:: Work instructions ::
Copy word for word, please, the lines of the entries below running from the one containing "#59=IFCLOCALPLACEMENT(#14,#2);" to the one containing "#69=IFCPRODUCTDEFINITIONSHAPE($,$,(#68));", both ends included.

:: Data records ::
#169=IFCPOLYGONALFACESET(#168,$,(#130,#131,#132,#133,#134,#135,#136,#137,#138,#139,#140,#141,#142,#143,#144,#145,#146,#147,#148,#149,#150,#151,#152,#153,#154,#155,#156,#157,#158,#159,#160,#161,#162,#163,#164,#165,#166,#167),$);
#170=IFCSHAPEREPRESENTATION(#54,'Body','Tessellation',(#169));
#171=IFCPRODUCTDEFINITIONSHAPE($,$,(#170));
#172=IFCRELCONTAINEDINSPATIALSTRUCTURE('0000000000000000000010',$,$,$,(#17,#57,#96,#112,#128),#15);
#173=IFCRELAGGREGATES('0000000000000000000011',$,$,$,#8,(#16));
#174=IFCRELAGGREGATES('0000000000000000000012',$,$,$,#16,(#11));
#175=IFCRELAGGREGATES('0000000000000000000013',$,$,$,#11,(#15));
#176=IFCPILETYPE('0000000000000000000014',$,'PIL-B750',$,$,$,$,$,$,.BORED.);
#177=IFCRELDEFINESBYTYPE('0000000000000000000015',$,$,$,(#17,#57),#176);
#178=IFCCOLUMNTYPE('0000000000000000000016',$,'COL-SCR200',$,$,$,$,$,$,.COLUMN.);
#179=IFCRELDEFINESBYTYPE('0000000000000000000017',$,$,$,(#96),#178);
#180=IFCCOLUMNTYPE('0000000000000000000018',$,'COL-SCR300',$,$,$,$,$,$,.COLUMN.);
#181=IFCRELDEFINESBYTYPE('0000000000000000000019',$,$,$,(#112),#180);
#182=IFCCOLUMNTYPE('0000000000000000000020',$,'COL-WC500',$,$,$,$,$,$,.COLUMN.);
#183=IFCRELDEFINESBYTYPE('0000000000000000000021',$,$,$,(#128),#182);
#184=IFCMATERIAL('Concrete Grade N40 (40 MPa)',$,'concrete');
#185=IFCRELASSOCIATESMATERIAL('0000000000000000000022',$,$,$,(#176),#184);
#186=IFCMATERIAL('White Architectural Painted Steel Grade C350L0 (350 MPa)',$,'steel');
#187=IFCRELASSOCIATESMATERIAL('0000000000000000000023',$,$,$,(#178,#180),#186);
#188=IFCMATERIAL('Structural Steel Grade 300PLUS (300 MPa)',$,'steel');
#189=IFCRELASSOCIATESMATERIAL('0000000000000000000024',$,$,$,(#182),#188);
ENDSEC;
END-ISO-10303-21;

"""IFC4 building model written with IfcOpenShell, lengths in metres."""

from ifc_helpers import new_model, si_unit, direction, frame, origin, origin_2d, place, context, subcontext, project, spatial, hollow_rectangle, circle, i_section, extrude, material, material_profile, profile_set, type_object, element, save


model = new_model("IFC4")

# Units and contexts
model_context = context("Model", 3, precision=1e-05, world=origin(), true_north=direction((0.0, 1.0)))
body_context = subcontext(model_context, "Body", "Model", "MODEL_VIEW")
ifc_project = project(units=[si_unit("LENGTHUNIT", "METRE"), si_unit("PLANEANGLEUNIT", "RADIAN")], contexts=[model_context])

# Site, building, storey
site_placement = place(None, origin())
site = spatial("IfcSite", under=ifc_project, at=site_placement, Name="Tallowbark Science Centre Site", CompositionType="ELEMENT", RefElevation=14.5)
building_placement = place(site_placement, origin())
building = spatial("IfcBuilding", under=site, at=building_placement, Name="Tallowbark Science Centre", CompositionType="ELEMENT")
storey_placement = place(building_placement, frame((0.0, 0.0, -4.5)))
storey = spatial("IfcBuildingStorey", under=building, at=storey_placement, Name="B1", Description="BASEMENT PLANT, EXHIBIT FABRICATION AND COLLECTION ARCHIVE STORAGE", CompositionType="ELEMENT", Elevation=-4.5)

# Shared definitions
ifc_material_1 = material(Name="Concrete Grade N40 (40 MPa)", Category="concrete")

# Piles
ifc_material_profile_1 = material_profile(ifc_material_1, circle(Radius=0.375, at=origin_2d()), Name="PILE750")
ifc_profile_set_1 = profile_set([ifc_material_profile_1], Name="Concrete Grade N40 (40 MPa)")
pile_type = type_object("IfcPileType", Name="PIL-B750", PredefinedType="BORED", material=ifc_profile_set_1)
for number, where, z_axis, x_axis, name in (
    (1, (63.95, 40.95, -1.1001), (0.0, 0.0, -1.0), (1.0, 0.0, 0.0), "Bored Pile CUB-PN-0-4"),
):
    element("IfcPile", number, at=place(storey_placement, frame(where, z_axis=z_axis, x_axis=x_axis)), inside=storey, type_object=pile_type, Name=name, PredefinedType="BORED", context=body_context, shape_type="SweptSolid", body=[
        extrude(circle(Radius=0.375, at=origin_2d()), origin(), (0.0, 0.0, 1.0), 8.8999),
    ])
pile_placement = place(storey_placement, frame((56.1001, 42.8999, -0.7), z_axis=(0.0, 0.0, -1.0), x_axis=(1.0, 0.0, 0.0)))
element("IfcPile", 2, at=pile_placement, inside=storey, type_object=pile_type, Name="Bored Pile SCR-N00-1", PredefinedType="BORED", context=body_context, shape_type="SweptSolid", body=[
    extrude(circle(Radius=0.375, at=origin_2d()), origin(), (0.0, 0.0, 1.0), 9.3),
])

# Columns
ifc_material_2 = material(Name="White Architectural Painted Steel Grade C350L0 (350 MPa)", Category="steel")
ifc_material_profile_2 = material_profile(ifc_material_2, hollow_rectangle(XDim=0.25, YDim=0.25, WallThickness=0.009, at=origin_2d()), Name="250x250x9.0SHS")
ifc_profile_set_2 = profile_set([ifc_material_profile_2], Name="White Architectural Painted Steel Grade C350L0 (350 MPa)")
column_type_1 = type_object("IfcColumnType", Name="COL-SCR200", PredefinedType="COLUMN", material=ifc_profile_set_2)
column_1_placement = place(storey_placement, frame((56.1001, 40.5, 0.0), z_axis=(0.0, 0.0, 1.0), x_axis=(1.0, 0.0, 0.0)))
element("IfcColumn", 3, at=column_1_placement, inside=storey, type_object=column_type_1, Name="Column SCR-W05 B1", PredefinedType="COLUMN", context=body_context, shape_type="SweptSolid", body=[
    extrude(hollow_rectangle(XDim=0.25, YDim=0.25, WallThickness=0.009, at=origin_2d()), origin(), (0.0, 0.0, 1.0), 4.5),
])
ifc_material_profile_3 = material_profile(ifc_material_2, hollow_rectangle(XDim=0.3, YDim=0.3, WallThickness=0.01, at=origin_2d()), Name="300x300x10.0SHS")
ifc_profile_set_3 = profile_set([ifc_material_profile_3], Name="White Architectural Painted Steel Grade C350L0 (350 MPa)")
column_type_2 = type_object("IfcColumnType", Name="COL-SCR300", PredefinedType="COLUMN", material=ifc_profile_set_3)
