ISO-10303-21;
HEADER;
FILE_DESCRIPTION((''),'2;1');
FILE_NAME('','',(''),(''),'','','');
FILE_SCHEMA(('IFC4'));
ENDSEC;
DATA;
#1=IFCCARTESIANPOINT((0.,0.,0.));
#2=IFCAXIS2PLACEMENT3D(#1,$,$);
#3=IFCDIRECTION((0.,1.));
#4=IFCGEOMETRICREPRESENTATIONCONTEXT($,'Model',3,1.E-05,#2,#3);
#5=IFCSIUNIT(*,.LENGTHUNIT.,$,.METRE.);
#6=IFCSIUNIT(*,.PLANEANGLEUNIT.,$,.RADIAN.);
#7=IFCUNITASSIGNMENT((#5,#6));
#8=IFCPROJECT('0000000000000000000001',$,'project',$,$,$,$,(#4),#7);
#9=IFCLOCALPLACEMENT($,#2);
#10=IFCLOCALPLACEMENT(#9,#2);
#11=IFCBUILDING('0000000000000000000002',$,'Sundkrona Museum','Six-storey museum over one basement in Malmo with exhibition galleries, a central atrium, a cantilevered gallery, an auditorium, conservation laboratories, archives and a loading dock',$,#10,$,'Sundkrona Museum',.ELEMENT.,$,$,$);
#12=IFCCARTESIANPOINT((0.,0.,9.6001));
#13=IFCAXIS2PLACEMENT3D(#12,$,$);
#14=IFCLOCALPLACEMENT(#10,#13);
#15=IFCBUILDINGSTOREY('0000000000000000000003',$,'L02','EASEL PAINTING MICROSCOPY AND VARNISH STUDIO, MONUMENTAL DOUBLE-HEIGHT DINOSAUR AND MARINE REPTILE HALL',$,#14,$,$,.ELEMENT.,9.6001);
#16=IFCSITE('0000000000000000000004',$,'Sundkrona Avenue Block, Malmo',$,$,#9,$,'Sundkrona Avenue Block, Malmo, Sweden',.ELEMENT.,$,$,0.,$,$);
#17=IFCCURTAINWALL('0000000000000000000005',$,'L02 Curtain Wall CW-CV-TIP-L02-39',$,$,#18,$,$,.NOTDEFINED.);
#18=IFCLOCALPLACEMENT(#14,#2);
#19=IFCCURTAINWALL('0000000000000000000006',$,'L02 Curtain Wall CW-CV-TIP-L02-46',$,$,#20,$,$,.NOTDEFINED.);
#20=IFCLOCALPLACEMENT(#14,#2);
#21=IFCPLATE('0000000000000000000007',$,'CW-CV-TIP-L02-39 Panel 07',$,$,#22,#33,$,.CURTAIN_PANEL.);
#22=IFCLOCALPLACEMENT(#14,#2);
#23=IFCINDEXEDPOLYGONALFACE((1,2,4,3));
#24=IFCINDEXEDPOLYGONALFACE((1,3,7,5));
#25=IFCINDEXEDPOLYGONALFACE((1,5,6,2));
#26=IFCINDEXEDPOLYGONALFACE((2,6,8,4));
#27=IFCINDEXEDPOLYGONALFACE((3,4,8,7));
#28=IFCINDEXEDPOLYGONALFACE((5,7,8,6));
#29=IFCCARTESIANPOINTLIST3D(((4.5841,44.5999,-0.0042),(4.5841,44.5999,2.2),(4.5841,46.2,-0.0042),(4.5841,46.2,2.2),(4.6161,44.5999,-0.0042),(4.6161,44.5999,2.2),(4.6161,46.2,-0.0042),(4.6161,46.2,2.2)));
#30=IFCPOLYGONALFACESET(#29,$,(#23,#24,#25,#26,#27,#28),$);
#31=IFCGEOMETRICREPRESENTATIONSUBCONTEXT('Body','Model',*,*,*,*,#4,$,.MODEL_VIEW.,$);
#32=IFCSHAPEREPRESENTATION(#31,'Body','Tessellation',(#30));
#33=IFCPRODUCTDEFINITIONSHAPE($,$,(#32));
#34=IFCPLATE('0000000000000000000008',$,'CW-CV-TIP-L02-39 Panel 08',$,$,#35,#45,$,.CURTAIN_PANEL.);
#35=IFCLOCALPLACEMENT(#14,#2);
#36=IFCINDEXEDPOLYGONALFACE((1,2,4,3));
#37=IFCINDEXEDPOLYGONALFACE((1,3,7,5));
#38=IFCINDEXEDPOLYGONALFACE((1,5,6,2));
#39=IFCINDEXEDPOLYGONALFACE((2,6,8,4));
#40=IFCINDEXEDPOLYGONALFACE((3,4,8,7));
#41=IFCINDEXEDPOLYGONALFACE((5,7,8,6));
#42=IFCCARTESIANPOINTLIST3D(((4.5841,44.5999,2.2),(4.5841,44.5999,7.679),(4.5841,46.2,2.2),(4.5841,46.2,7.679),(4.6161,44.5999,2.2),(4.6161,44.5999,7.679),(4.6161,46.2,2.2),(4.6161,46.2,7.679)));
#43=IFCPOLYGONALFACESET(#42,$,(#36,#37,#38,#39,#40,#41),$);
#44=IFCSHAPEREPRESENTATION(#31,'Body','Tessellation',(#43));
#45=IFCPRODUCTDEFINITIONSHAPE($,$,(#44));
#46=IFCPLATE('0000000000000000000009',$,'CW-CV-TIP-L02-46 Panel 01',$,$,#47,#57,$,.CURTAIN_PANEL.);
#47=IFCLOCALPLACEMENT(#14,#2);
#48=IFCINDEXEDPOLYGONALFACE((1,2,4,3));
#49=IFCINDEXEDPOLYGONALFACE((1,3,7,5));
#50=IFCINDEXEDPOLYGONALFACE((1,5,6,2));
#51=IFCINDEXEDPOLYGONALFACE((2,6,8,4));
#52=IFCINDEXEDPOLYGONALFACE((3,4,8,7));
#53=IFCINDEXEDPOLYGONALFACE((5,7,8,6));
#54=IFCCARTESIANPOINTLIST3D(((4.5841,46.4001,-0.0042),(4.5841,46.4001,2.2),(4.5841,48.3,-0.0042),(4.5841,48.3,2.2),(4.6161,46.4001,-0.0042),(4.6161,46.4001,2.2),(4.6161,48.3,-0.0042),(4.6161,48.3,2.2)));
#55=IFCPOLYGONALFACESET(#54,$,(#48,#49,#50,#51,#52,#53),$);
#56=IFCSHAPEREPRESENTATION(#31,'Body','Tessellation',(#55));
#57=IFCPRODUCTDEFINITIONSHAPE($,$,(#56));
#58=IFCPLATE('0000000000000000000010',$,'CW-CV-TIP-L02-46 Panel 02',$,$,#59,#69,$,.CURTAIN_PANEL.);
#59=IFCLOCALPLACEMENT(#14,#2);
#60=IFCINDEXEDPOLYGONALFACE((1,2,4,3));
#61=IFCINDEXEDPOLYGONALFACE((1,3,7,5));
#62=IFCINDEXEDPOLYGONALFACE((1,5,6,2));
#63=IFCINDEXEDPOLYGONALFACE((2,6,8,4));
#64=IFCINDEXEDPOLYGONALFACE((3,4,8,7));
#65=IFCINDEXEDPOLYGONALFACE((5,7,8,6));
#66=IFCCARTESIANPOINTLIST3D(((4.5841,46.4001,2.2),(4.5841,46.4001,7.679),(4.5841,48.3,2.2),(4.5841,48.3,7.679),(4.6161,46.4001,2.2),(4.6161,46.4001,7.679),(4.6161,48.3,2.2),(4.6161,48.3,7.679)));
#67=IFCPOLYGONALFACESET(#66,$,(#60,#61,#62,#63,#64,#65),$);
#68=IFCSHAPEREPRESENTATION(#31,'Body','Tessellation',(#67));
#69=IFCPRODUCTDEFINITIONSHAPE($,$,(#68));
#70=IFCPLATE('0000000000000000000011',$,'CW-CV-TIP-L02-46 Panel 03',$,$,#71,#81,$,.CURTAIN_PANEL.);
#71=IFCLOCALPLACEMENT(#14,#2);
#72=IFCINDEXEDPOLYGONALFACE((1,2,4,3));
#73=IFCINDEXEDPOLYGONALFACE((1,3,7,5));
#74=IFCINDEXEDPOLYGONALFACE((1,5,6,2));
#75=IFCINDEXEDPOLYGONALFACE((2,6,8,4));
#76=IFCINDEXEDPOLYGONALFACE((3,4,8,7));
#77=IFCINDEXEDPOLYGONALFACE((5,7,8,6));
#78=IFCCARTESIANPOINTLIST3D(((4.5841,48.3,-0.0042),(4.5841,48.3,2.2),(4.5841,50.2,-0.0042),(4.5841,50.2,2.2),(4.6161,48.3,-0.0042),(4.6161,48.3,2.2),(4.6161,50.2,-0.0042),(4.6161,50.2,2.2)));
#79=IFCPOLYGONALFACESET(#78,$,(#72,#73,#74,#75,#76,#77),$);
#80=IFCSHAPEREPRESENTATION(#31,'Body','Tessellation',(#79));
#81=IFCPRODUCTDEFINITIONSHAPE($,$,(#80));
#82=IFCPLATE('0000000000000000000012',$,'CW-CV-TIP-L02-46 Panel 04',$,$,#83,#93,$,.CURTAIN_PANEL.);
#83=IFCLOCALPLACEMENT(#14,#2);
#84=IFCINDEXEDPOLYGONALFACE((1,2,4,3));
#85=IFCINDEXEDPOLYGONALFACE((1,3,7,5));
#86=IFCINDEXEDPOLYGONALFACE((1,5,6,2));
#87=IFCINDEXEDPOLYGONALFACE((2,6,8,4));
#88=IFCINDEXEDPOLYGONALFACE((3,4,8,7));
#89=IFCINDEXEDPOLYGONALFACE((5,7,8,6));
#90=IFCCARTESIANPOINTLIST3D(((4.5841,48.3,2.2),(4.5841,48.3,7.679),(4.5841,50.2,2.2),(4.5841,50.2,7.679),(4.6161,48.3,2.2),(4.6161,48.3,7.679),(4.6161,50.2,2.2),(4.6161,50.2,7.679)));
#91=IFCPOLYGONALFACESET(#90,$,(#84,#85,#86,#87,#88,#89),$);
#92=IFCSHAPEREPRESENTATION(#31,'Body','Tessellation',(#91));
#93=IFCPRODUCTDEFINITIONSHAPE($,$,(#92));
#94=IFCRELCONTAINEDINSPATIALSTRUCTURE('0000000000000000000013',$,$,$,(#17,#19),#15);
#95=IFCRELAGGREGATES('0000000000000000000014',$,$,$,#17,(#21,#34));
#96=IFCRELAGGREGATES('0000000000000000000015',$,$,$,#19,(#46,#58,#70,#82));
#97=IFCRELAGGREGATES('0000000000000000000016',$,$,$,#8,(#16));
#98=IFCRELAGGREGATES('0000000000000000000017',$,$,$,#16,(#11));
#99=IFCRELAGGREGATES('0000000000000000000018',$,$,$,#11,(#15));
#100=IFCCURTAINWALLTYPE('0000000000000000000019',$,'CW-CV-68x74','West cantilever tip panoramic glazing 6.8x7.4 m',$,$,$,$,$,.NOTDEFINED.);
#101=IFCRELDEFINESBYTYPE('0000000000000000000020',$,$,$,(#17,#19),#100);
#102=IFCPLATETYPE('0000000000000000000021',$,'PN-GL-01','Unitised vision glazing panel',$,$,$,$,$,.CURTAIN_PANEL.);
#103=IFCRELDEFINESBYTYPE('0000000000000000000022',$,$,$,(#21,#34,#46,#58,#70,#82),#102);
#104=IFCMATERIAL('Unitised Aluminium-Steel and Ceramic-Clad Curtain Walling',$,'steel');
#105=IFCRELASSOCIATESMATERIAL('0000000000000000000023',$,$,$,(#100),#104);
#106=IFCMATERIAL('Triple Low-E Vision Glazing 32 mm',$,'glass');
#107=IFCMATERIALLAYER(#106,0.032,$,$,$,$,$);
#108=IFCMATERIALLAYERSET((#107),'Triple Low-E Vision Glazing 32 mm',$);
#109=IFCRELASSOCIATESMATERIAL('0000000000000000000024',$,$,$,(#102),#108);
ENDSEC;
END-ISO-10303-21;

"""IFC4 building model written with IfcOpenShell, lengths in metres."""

from ifc_helpers import new_model, si_unit, direction, frame, origin, origin_2d, place, context, subcontext, project, spatial, rectangle, extrude, material, layer, layer_set, type_object, element, aggregate, save


model = new_model("IFC4")

# Units and contexts
model_context = context("Model", 3, precision=1e-05, world=origin(), true_north=direction((0.0, 1.0)))
body_context = subcontext(model_context, "Body", "Model", "MODEL_VIEW")
ifc_project = project(units=[si_unit("LENGTHUNIT", "METRE"), si_unit("PLANEANGLEUNIT", "RADIAN")], contexts=[model_context])

# Site, building, storey
site_placement = place(None, origin())
site = spatial("IfcSite", under=ifc_project, at=site_placement, Name="Sundkrona Avenue Block, Malmo", LongName="Sundkrona Avenue Block, Malmo, Sweden", CompositionType="ELEMENT", RefElevation=0.0)
building_placement = place(site_placement, origin())
building = spatial("IfcBuilding", under=site, at=building_placement, Name="Sundkrona Museum", Description="Six-storey museum over one basement in Malmo with exhibition galleries, a central atrium, a cantilevered gallery, an auditorium, conservation laboratories, archives and a loading dock", LongName="Sundkrona Museum", CompositionType="ELEMENT")
storey_placement = place(building_placement, frame((0.0, 0.0, 9.6001)))
storey = spatial("IfcBuildingStorey", under=building, at=storey_placement, Name="L02", Description="EASEL PAINTING MICROSCOPY AND VARNISH STUDIO, MONUMENTAL DOUBLE-HEIGHT DINOSAUR AND MARINE REPTILE HALL", CompositionType="ELEMENT", Elevation=9.6001)

# Curtain wall
ifc_material_1 = material(Name="Unitised Aluminium-Steel and Ceramic-Clad Curtain Walling", Category="steel")
curtain_wall_type_1 = type_object("IfcCurtainWallType", Name="CW-CV-68x74", Description="West cantilever tip panoramic glazing 6.8x7.4 m", PredefinedType="NOTDEFINED", material=ifc_material_1)
curtain_wall_1_placement = place(storey_placement, origin())
curtain_wall_1 = element("IfcCurtainWall", 1, at=curtain_wall_1_placement, inside=storey, type_object=curtain_wall_type_1, Name="L02 Curtain Wall CW-CV-TIP-L02-39", PredefinedType="NOTDEFINED")

# Curtain wall
curtain_wall_2_placement = place(storey_placement, origin())
curtain_wall_2 = element("IfcCurtainWall", 2, at=curtain_wall_2_placement, inside=storey, type_object=curtain_wall_type_1, Name="L02 Curtain Wall CW-CV-TIP-L02-46", PredefinedType="NOTDEFINED")

# Plates
ifc_material_2 = material(Name="Triple Low-E Vision Glazing 32 mm", Category="glass")
ifc_layer = layer(ifc_material_2, 0.032)
ifc_layer_set = layer_set([ifc_layer], Name="Triple Low-E Vision Glazing 32 mm")
plate_type = type_object("IfcPlateType", Name="PN-GL-01", Description="Unitised vision glazing panel", PredefinedType="CURTAIN_PANEL", material=ifc_layer_set)
plate_1_placement = place(storey_placement, frame((4.6001, 45.3999, -0.0042), z_axis=(0.0, 0.0, 1.0), x_axis=(0.0, 1.0, 0.0)))
plate_1 = element("IfcPlate", 3, at=plate_1_placement, type_object=plate_type, Name="CW-CV-TIP-L02-39 Panel 07", PredefinedType="CURTAIN_PANEL", context=body_context, shape_type="SweptSolid", body=[
    extrude(rectangle(XDim=1.6001, YDim=0.032, at=origin_2d()), origin(), (0.0, 0.0, 1.0), 2.2041),
])
plate_2_placement = place(storey_placement, frame((4.6001, 45.3999, 2.2), z_axis=(0.0, 0.0, 1.0), x_axis=(0.0, 1.0, 0.0)))
plate_2 = element("IfcPlate", 4, at=plate_2_placement, type_object=plate_type, Name="CW-CV-TIP-L02-39 Panel 08", PredefinedType="CURTAIN_PANEL", context=body_context, shape_type="SweptSolid", body=[
    extrude(rectangle(XDim=1.6001, YDim=0.032, at=origin_2d()), origin(), (0.0, 0.0, 1.0), 5.479),
])
aggregate(curtain_wall_1, [plate_1, plate_2])
plate_3_placement = place(storey_placement, frame((4.6001, 47.3501, -0.0042), z_axis=(0.0, 0.0, 1.0), x_axis=(0.0, 1.0, 0.0)))
plate_3 = element("IfcPlate", 5, at=plate_3_placement, type_object=plate_type, Name="CW-CV-TIP-L02-46 Panel 01", PredefinedType="CURTAIN_PANEL", context=body_context, shape_type="SweptSolid", body=[
    extrude(rectangle(XDim=1.8999, YDim=0.032, at=origin_2d()), origin(), (0.0, 0.0, 1.0), 2.2041),
])
plate_4_placement = place(storey_placement, frame((4.6001, 47.3501, 2.2), z_axis=(0.0, 0.0, 1.0), x_axis=(0.0, 1.0, 0.0)))
plate_4 = element("IfcPlate", 6, at=plate_4_placement, type_object=plate_type, Name="CW-CV-TIP-L02-46 Panel 02", PredefinedType="CURTAIN_PANEL", context=body_context, shape_type="SweptSolid", body=[
    extrude(rectangle(XDim=1.8999, YDim=0.032, at=origin_2d()), origin(), (0.0, 0.0, 1.0), 5.479),
])
plate_5_placement = place(storey_placement, frame((4.6001, 49.25, -0.0042), z_axis=(0.0, 0.0, 1.0), x_axis=(0.0, 1.0, 0.0)))
plate_5 = element("IfcPlate", 7, at=plate_5_placement, type_object=plate_type, Name="CW-CV-TIP-L02-46 Panel 03", PredefinedType="CURTAIN_PANEL", context=body_context, shape_type="SweptSolid", body=[
    extrude(rectangle(XDim=1.8999, YDim=0.032, at=origin_2d()), origin(), (0.0, 0.0, 1.0), 2.2041),
])
plate_6_placement = place(storey_placement, frame((4.6001, 49.25, 2.2), z_axis=(0.0, 0.0, 1.0), x_axis=(0.0, 1.0, 0.0)))
plate_6 = element("IfcPlate", 8, at=plate_6_placement, type_object=plate_type, Name="CW-CV-TIP-L02-46 Panel 04", PredefinedType="CURTAIN_PANEL", context=body_context, shape_type="SweptSolid", body=[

:: Expected output ::
#59=IFCLOCALPLACEMENT(#14,#2);
#60=IFCINDEXEDPOLYGONALFACE((1,2,4,3));
#61=IFCINDEXEDPOLYGONALFACE((1,3,7,5));
#62=IFCINDEXEDPOLYGONALFACE((1,5,6,2));
#63=IFCINDEXEDPOLYGONALFACE((2,6,8,4));
#64=IFCINDEXEDPOLYGONALFACE((3,4,8,7));
#65=IFCINDEXEDPOLYGONALFACE((5,7,8,6));
#66=IFCCARTESIANPOINTLIST3D(((4.5841,46.4001,2.2),(4.5841,46.4001,7.679),(4.5841,48.3,2.2),(4.5841,48.3,7.679),(4.6161,46.4001,2.2),(4.6161,46.4001,7.679),(4.6161,48.3,2.2),(4.6161,48.3,7.679)));
#67=IFCPOLYGONALFACESET(#66,$,(#60,#61,#62,#63,#64,#65),$);
#68=IFCSHAPEREPRESENTATION(#31,'Body','Tessellation',(#67));
#69=IFCPRODUCTDEFINITIONSHAPE($,$,(#68));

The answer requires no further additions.